Input data >>
──────
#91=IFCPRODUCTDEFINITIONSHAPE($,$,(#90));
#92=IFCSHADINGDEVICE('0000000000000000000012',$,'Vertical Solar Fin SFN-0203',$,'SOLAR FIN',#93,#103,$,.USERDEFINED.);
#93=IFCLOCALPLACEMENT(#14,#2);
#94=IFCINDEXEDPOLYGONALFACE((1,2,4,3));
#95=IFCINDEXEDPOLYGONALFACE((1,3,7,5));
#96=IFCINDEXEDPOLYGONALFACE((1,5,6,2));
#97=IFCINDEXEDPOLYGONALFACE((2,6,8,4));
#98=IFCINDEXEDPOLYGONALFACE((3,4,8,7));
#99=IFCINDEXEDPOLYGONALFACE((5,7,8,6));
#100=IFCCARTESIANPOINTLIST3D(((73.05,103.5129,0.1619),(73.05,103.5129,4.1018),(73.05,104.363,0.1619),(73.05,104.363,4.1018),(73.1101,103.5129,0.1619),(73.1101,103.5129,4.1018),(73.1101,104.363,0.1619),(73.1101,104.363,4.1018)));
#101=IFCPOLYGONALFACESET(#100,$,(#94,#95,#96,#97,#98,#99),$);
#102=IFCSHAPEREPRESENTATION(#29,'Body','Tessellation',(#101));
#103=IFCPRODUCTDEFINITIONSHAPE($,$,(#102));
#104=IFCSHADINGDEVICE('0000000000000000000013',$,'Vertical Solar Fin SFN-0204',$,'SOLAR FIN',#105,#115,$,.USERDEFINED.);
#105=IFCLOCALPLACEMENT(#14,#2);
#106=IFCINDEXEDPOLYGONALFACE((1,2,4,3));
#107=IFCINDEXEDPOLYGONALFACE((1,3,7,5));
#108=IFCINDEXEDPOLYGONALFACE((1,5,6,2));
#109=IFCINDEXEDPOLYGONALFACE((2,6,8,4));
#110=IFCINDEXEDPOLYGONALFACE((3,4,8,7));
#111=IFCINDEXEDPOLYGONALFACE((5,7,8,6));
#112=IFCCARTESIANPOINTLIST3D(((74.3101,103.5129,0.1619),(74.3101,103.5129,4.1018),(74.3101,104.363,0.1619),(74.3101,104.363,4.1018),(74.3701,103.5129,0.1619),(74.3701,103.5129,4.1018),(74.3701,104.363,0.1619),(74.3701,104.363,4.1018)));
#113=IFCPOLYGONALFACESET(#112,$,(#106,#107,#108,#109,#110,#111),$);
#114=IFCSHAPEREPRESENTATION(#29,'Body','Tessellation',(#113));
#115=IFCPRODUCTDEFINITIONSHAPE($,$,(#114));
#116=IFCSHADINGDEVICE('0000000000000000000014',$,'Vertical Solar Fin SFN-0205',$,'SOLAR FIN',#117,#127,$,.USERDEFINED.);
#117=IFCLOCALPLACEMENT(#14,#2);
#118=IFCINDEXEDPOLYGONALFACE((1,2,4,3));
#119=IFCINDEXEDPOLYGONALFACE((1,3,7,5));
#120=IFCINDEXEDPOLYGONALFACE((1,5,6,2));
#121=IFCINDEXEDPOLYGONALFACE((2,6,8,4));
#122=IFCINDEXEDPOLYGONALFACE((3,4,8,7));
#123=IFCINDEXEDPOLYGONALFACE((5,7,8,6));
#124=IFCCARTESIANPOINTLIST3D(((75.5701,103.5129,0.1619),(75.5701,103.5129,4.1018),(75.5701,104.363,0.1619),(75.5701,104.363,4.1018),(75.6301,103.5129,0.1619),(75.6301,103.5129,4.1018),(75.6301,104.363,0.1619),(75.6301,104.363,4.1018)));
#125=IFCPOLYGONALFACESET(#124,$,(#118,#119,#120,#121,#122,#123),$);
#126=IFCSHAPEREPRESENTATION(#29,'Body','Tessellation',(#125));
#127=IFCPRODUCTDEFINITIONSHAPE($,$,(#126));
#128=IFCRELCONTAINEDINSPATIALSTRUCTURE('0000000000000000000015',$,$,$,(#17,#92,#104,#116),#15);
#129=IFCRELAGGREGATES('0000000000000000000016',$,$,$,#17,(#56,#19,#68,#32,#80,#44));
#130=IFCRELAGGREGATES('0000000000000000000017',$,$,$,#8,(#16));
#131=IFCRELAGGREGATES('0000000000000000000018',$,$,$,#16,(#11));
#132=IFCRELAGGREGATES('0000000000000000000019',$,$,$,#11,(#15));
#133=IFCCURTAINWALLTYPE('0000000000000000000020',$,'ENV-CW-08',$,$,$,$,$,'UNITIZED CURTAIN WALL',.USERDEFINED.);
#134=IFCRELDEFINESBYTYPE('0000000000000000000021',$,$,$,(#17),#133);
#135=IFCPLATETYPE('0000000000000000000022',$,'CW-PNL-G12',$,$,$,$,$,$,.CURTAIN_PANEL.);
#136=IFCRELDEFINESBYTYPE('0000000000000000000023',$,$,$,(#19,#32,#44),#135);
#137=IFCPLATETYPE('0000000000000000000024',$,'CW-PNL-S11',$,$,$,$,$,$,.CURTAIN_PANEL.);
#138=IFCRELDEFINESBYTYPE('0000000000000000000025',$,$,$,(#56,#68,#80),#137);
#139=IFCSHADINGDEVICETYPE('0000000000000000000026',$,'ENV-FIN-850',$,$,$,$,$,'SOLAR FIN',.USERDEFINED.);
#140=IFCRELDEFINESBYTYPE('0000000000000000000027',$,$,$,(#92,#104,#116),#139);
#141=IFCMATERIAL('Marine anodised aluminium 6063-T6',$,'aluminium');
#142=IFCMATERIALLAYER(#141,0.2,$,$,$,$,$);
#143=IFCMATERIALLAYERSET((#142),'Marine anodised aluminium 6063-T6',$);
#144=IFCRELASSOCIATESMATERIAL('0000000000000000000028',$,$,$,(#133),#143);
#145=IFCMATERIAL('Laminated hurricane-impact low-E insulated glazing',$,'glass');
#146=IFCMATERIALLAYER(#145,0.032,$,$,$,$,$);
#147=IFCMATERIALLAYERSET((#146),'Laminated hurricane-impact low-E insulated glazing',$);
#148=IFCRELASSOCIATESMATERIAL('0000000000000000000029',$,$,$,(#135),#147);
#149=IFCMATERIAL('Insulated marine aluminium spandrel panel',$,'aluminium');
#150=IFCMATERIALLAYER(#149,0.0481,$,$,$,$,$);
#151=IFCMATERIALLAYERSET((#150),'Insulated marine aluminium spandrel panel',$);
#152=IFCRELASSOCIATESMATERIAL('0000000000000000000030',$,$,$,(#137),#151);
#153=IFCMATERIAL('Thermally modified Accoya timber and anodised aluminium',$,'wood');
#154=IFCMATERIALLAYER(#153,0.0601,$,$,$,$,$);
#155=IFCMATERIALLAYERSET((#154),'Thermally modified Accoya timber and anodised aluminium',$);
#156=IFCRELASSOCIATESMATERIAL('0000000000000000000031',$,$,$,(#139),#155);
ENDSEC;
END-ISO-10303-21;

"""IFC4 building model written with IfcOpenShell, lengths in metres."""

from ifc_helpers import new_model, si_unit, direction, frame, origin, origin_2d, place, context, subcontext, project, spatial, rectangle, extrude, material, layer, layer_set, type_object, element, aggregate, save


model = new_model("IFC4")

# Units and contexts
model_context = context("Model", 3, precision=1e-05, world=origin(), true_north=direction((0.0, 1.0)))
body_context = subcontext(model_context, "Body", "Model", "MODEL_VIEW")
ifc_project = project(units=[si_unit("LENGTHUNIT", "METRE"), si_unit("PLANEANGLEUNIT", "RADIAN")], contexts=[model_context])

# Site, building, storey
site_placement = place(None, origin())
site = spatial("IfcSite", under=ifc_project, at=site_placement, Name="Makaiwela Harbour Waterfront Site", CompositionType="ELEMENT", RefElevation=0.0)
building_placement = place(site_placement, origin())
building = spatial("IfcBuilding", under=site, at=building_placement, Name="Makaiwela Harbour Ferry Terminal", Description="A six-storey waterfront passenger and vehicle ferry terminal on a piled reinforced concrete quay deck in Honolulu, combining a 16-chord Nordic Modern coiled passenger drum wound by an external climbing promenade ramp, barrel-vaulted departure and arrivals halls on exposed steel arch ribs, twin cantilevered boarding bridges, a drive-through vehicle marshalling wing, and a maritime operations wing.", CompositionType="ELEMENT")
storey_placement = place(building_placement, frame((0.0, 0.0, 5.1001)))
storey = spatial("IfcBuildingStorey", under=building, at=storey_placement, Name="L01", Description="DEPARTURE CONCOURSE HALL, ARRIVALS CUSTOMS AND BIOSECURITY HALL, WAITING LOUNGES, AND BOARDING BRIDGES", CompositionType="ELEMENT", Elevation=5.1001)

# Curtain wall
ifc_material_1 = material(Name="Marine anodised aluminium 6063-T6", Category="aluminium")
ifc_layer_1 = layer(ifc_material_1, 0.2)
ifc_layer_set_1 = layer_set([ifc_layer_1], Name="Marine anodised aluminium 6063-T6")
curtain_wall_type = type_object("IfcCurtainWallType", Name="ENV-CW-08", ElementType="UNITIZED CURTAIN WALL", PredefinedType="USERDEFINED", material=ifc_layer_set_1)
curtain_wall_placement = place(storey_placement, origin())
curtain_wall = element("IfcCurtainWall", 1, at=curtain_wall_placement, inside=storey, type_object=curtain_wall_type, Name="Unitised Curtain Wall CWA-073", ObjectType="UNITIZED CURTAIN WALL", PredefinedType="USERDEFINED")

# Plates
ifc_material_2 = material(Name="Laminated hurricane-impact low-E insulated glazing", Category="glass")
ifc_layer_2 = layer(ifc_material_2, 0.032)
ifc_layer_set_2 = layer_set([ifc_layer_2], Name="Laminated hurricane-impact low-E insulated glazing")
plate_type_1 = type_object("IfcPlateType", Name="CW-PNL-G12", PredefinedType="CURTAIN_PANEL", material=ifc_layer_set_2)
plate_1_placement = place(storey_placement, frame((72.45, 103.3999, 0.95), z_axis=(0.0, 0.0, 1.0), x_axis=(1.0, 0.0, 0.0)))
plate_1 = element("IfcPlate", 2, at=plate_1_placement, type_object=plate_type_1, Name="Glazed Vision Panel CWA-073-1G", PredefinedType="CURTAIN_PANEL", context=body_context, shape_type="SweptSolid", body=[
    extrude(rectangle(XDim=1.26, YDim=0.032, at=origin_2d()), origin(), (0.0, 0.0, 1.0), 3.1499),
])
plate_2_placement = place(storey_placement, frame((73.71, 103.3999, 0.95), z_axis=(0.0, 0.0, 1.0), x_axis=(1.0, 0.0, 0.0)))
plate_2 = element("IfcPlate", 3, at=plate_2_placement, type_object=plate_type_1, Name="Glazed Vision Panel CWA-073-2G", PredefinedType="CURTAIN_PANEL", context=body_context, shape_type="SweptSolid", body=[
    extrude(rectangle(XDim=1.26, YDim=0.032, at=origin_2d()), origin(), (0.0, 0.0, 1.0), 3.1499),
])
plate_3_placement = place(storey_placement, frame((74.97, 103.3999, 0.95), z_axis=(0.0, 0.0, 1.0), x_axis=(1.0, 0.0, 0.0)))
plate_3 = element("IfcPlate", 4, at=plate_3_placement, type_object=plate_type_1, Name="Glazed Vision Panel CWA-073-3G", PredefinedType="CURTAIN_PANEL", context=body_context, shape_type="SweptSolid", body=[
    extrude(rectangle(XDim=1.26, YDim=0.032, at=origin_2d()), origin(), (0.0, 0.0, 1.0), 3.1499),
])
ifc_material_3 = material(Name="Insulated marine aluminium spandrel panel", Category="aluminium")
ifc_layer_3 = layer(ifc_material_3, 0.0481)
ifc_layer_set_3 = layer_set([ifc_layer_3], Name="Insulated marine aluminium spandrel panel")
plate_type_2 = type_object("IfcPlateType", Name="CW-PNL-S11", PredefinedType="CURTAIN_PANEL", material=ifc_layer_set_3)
──────
Description of the task >> Please give the number of lines above that contain the string "contexts", and nothing more.

Completed task >> 2